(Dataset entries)
==================================================
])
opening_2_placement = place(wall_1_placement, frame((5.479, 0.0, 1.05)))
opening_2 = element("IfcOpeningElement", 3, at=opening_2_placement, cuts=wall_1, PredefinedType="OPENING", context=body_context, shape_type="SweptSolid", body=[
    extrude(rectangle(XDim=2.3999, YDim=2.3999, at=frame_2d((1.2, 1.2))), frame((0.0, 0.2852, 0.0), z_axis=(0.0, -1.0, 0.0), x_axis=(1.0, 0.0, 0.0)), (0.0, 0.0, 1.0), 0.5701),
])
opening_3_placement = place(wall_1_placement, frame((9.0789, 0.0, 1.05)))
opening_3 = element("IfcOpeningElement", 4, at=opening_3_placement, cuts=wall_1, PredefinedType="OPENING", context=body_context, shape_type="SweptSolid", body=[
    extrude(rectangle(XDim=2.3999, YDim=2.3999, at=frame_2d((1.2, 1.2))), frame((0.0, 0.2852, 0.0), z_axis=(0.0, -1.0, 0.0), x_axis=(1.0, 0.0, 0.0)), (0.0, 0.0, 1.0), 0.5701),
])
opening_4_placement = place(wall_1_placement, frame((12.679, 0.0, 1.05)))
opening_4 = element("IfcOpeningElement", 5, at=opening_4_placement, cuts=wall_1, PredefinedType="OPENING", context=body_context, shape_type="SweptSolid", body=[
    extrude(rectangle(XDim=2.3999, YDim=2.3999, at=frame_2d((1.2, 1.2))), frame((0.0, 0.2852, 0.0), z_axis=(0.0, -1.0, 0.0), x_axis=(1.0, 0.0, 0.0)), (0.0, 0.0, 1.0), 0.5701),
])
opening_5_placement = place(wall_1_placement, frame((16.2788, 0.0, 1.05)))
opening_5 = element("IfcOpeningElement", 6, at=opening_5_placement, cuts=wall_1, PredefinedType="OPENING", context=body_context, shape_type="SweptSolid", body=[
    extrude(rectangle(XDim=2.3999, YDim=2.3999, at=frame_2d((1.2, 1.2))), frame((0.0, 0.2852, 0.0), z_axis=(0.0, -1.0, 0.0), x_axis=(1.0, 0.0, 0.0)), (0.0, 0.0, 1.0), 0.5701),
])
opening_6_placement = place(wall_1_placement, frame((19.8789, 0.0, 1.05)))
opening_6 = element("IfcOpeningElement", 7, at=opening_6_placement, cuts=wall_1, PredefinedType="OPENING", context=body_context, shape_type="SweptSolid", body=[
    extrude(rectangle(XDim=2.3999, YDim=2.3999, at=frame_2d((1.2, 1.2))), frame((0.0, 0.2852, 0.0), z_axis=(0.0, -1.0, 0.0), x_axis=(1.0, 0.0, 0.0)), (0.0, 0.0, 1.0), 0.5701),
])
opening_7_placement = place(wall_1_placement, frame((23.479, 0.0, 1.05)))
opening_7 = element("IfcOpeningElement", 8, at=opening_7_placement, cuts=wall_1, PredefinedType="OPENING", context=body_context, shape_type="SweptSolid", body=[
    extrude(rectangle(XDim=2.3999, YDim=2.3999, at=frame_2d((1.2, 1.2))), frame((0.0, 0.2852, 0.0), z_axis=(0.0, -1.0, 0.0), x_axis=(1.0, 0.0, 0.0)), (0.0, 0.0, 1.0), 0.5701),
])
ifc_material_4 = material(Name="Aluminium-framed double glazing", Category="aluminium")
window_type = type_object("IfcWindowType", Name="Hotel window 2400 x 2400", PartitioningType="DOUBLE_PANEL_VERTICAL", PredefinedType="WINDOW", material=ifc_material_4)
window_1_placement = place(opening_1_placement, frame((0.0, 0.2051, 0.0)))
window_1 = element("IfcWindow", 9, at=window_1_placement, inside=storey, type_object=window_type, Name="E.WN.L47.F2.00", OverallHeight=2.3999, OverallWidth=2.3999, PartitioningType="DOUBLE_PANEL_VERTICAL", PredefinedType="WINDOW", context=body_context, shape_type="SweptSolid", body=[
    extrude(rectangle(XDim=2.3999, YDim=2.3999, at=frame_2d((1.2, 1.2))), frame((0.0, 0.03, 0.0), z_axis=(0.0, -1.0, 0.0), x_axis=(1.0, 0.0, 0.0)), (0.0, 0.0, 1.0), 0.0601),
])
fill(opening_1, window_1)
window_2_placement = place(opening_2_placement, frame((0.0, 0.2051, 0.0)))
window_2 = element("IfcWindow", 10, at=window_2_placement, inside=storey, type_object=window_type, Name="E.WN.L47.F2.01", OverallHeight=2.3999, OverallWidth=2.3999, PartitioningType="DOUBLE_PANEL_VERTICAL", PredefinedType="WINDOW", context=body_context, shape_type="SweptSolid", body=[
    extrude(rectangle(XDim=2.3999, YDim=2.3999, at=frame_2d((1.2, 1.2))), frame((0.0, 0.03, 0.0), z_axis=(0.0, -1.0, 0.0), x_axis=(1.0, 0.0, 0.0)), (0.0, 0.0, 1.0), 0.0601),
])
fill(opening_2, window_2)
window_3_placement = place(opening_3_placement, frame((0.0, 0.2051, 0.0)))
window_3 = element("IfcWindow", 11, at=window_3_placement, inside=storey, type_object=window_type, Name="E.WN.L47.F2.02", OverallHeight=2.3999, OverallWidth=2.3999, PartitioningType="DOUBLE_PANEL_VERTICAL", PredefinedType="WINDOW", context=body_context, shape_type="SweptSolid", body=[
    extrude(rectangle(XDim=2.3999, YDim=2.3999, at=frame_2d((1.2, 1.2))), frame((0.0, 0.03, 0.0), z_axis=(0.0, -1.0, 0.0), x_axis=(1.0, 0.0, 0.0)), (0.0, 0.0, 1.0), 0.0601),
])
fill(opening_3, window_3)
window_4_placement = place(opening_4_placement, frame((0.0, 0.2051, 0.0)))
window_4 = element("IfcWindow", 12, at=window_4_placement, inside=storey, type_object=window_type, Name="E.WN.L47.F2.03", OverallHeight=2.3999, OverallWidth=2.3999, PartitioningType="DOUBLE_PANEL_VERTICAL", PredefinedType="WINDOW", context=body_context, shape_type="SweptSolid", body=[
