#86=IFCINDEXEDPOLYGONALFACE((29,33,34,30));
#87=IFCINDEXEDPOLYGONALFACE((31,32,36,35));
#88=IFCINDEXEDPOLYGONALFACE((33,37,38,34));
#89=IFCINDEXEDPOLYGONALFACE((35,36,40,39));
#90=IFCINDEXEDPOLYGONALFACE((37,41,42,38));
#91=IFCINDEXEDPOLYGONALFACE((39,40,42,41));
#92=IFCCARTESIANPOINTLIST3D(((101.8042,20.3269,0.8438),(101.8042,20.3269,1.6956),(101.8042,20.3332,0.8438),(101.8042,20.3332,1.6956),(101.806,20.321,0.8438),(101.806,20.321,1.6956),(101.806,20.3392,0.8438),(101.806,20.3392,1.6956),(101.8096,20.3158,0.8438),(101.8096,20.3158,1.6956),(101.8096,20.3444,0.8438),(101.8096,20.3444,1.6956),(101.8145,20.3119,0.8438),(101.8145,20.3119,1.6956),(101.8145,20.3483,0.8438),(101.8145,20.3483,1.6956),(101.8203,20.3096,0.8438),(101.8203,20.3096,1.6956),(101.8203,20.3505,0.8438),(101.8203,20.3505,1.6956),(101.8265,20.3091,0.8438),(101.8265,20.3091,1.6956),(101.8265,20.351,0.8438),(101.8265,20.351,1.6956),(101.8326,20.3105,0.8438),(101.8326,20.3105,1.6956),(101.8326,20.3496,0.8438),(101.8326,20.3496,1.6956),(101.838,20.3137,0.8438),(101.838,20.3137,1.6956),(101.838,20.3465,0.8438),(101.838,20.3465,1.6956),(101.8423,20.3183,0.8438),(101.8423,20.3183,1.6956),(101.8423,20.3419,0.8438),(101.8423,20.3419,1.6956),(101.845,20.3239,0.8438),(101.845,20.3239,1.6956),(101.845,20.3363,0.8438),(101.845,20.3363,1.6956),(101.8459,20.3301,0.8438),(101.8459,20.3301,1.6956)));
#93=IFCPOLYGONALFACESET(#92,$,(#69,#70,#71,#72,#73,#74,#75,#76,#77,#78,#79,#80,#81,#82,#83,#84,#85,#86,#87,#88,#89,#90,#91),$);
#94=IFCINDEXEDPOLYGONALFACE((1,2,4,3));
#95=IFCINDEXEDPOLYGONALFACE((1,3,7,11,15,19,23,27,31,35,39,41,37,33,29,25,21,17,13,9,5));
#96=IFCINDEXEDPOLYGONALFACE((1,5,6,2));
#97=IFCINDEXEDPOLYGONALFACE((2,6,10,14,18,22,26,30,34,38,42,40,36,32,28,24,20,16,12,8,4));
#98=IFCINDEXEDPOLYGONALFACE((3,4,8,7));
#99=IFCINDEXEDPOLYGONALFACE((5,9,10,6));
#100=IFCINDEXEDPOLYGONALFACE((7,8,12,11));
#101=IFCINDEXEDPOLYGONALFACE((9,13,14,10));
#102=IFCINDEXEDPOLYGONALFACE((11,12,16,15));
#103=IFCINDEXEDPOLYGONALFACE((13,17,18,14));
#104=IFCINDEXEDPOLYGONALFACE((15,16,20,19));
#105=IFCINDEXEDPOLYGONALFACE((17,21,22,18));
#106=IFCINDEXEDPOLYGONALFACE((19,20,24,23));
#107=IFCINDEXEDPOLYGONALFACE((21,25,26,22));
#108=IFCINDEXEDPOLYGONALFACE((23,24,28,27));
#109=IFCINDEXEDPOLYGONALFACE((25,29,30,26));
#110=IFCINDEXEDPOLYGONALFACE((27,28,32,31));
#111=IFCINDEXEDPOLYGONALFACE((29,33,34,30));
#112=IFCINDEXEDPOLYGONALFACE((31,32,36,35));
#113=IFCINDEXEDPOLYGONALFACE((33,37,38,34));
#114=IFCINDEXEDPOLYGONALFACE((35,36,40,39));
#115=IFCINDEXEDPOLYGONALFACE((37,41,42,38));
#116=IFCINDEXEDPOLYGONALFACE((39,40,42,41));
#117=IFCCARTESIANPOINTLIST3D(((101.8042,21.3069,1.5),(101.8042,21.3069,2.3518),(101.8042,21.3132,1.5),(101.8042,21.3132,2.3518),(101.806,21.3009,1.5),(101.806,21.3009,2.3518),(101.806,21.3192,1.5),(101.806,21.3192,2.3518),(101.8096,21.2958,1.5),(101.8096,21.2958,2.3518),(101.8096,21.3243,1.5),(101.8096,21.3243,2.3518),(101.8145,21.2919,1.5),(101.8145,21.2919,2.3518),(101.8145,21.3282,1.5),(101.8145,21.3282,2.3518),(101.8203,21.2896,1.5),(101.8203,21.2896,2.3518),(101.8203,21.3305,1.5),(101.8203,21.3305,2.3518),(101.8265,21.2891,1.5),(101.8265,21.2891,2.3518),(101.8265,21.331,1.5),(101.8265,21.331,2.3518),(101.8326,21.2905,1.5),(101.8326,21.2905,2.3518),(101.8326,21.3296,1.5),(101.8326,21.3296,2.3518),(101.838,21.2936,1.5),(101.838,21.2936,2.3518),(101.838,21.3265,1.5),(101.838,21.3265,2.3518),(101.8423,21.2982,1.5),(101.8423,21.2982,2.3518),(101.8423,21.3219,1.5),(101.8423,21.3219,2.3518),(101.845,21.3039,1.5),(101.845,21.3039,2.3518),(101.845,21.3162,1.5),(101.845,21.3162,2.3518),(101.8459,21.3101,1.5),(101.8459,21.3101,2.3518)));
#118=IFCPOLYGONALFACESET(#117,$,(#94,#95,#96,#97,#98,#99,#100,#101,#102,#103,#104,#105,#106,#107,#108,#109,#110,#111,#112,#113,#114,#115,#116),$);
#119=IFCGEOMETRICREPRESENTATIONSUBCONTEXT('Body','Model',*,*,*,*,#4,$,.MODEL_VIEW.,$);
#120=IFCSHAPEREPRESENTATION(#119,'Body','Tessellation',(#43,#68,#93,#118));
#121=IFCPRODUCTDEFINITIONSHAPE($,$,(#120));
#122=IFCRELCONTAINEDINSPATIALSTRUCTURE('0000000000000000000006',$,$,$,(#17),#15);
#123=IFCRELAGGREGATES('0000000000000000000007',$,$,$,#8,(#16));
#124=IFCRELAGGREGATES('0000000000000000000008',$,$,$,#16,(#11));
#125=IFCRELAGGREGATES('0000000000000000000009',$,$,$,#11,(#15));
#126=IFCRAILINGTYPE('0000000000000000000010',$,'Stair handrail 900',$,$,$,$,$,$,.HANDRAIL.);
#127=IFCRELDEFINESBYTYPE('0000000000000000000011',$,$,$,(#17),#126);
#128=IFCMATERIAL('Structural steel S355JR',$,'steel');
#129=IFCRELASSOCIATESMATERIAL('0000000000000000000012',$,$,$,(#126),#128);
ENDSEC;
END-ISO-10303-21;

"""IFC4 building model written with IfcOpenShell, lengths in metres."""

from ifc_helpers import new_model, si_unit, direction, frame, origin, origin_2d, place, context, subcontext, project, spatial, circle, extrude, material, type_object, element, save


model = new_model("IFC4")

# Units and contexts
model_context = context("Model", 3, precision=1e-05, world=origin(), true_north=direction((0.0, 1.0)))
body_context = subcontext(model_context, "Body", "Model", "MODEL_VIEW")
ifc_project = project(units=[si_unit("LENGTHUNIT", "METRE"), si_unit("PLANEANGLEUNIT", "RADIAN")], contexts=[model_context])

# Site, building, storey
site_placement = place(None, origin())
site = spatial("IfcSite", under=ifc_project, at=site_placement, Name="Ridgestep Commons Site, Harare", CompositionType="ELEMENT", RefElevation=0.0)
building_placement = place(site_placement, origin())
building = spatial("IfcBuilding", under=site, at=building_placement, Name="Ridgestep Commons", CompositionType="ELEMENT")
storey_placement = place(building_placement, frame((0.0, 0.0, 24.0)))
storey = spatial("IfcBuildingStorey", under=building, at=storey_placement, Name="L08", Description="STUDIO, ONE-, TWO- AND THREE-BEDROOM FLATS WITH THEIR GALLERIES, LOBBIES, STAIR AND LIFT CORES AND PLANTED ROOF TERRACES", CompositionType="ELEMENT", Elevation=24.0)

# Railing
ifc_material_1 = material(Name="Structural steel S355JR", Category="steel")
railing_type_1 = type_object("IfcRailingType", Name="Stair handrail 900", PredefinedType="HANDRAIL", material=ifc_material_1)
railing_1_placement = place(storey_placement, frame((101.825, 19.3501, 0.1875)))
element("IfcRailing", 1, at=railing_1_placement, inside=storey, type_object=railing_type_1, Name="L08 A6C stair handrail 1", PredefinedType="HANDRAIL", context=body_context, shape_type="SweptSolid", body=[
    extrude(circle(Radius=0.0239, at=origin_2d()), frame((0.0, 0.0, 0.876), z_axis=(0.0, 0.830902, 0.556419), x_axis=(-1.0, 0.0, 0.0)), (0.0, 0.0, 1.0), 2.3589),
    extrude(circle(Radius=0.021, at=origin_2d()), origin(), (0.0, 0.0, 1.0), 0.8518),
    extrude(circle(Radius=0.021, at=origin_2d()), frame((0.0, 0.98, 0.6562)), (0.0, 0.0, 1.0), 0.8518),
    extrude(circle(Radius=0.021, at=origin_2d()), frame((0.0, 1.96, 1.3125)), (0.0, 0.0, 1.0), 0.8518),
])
==================================================
▸ **What you are asked to do**: Work through the records line by line and tally those holding "under". Reply with the number alone.

▸ **Answer for the task**: 3